[Start of Attachment]
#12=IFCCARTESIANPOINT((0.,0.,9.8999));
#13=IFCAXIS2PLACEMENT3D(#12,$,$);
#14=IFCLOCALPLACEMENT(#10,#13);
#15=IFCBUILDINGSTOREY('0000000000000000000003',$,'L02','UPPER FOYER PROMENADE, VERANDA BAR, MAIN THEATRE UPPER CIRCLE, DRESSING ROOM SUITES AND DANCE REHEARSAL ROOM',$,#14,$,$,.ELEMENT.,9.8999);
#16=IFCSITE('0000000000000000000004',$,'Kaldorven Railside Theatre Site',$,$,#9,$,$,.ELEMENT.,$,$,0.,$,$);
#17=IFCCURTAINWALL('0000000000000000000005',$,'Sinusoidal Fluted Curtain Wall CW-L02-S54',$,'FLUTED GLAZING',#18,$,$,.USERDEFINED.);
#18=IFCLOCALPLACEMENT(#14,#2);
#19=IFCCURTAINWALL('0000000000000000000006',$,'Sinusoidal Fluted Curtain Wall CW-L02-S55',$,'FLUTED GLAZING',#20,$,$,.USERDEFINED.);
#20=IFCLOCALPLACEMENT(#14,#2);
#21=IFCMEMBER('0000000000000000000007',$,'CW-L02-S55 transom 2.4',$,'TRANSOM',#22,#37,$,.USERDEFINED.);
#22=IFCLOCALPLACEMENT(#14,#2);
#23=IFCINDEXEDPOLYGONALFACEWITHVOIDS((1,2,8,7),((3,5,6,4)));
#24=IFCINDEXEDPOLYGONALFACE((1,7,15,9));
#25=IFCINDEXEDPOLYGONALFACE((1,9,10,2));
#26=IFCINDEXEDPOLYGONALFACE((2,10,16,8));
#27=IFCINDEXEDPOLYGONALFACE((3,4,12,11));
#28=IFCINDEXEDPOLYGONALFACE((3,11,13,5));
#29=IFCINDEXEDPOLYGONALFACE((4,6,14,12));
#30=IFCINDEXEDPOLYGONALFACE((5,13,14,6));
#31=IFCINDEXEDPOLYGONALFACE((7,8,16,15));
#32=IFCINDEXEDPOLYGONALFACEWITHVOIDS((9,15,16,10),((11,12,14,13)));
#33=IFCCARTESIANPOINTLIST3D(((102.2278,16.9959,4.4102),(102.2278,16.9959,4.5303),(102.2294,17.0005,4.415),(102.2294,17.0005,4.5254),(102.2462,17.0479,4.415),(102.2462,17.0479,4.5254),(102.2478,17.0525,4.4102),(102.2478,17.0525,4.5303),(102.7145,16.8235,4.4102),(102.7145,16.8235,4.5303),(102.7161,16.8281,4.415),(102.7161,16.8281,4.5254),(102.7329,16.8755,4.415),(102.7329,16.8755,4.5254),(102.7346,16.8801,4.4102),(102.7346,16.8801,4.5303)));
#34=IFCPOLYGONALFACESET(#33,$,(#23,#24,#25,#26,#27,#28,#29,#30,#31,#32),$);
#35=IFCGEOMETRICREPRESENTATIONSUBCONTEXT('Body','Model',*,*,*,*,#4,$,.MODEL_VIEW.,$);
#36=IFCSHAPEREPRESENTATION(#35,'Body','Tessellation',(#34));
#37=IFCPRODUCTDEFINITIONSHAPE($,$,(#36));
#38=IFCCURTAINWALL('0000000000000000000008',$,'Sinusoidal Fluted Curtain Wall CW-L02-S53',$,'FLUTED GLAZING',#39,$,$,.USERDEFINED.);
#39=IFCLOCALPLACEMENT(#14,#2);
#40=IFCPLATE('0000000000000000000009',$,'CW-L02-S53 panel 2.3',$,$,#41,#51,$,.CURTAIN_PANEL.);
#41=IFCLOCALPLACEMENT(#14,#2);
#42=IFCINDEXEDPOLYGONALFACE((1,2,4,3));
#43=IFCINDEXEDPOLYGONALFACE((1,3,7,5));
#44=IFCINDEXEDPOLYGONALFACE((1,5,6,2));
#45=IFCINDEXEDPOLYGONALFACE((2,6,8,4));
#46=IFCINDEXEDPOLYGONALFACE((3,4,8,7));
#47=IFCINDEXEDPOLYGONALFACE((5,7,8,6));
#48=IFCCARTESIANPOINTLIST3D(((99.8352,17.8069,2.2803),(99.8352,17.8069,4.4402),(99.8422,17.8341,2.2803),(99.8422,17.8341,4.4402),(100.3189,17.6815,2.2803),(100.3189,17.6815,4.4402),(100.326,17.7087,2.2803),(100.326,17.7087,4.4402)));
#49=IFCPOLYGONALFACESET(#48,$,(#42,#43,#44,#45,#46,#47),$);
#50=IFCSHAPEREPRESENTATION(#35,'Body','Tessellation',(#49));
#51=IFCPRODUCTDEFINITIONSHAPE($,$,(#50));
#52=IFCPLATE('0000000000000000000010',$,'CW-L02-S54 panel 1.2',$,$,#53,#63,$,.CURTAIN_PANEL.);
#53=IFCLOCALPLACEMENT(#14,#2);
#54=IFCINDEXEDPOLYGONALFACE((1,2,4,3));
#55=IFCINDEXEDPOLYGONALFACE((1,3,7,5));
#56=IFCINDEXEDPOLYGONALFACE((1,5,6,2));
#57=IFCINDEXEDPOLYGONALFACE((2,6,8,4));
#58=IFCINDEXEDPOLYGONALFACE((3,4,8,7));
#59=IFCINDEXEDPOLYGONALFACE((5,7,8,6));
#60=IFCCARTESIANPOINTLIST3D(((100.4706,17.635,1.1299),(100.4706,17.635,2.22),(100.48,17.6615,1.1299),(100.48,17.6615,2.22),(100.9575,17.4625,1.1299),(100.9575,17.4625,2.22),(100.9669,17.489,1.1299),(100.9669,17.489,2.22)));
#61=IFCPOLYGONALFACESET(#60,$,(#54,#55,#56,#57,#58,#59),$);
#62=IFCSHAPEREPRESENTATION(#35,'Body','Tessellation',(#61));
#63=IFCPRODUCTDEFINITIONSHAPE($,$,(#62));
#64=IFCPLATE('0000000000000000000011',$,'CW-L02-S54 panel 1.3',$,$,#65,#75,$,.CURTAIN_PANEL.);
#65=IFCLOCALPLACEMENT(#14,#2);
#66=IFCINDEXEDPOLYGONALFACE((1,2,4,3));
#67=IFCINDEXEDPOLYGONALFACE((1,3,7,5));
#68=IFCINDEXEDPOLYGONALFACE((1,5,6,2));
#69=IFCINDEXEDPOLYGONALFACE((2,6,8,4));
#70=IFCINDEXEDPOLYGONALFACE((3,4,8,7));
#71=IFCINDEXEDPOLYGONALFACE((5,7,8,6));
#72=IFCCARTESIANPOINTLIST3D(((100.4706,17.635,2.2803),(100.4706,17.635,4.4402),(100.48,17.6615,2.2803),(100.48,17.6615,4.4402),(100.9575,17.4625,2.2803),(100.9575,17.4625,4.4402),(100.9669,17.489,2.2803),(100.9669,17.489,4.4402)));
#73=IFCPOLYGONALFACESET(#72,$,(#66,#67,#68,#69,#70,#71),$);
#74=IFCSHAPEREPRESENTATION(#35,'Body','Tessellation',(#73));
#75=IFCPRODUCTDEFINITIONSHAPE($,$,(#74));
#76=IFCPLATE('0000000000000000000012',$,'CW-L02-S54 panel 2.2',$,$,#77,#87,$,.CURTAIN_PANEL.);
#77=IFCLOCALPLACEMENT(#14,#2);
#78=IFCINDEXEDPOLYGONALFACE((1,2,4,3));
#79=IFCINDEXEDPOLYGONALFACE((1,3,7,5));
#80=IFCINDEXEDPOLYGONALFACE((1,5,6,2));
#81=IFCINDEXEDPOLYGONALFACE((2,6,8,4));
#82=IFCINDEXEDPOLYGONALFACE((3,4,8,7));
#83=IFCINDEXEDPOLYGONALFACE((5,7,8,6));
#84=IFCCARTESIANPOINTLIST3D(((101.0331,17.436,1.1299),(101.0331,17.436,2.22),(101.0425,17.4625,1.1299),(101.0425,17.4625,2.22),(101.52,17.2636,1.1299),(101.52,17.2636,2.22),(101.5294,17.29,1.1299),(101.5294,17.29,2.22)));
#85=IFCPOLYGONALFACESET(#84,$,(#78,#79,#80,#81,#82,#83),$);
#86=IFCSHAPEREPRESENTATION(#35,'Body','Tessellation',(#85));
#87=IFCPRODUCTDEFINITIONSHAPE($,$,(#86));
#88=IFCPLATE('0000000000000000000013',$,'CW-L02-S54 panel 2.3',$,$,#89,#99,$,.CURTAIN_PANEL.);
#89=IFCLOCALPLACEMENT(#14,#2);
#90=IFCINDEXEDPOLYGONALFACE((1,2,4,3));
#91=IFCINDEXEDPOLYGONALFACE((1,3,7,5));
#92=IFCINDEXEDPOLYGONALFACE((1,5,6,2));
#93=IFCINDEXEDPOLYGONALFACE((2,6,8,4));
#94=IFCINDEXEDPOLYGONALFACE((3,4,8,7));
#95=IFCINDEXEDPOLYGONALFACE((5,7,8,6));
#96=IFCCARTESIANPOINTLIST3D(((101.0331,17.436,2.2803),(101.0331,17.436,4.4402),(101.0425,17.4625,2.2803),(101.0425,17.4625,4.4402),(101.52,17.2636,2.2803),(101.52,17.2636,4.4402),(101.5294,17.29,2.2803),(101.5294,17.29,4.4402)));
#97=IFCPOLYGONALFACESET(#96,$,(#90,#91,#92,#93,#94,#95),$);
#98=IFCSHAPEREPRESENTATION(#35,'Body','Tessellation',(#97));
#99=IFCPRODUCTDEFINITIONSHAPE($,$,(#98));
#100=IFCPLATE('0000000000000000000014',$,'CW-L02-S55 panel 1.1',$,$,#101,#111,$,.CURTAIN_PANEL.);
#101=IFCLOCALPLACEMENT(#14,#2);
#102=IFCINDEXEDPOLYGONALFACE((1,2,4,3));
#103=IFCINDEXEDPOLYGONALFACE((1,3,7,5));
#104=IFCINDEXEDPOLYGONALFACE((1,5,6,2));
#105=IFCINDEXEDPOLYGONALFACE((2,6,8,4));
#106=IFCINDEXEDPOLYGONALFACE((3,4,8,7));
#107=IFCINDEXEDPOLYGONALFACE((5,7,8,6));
[End of Attachment]
PROBLEM TO WORK ON:
Repeat exactly the lines of the listing from its first line through the line that holds "#37=IFCPRODUCTDEFINITIONSHAPE($,$,(#36));". Nothing else should appear.

RESULT:
#12=IFCCARTESIANPOINT((0.,0.,9.8999));
#13=IFCAXIS2PLACEMENT3D(#12,$,$);
#14=IFCLOCALPLACEMENT(#10,#13);
#15=IFCBUILDINGSTOREY('0000000000000000000003',$,'L02','UPPER FOYER PROMENADE, VERANDA BAR, MAIN THEATRE UPPER CIRCLE, DRESSING ROOM SUITES AND DANCE REHEARSAL ROOM',$,#14,$,$,.ELEMENT.,9.8999);
#16=IFCSITE('0000000000000000000004',$,'Kaldorven Railside Theatre Site',$,$,#9,$,$,.ELEMENT.,$,$,0.,$,$);
#17=IFCCURTAINWALL('0000000000000000000005',$,'Sinusoidal Fluted Curtain Wall CW-L02-S54',$,'FLUTED GLAZING',#18,$,$,.USERDEFINED.);
#18=IFCLOCALPLACEMENT(#14,#2);
#19=IFCCURTAINWALL('0000000000000000000006',$,'Sinusoidal Fluted Curtain Wall CW-L02-S55',$,'FLUTED GLAZING',#20,$,$,.USERDEFINED.);
#20=IFCLOCALPLACEMENT(#14,#2);
#21=IFCMEMBER('0000000000000000000007',$,'CW-L02-S55 transom 2.4',$,'TRANSOM',#22,#37,$,.USERDEFINED.);
#22=IFCLOCALPLACEMENT(#14,#2);
#23=IFCINDEXEDPOLYGONALFACEWITHVOIDS((1,2,8,7),((3,5,6,4)));
#24=IFCINDEXEDPOLYGONALFACE((1,7,15,9));
#25=IFCINDEXEDPOLYGONALFACE((1,9,10,2));
#26=IFCINDEXEDPOLYGONALFACE((2,10,16,8));
#27=IFCINDEXEDPOLYGONALFACE((3,4,12,11));
#28=IFCINDEXEDPOLYGONALFACE((3,11,13,5));
#29=IFCINDEXEDPOLYGONALFACE((4,6,14,12));
#30=IFCINDEXEDPOLYGONALFACE((5,13,14,6));
#31=IFCINDEXEDPOLYGONALFACE((7,8,16,15));
#32=IFCINDEXEDPOLYGONALFACEWITHVOIDS((9,15,16,10),((11,12,14,13)));
#33=IFCCARTESIANPOINTLIST3D(((102.2278,16.9959,4.4102),(102.2278,16.9959,4.5303),(102.2294,17.0005,4.415),(102.2294,17.0005,4.5254),(102.2462,17.0479,4.415),(102.2462,17.0479,4.5254),(102.2478,17.0525,4.4102),(102.2478,17.0525,4.5303),(102.7145,16.8235,4.4102),(102.7145,16.8235,4.5303),(102.7161,16.8281,4.415),(102.7161,16.8281,4.5254),(102.7329,16.8755,4.415),(102.7329,16.8755,4.5254),(102.7346,16.8801,4.4102),(102.7346,16.8801,4.5303)));
#34=IFCPOLYGONALFACESET(#33,$,(#23,#24,#25,#26,#27,#28,#29,#30,#31,#32),$);
#35=IFCGEOMETRICREPRESENTATIONSUBCONTEXT('Body','Model',*,*,*,*,#4,$,.MODEL_VIEW.,$);
#36=IFCSHAPEREPRESENTATION(#35,'Body','Tessellation',(#34));
#37=IFCPRODUCTDEFINITIONSHAPE($,$,(#36));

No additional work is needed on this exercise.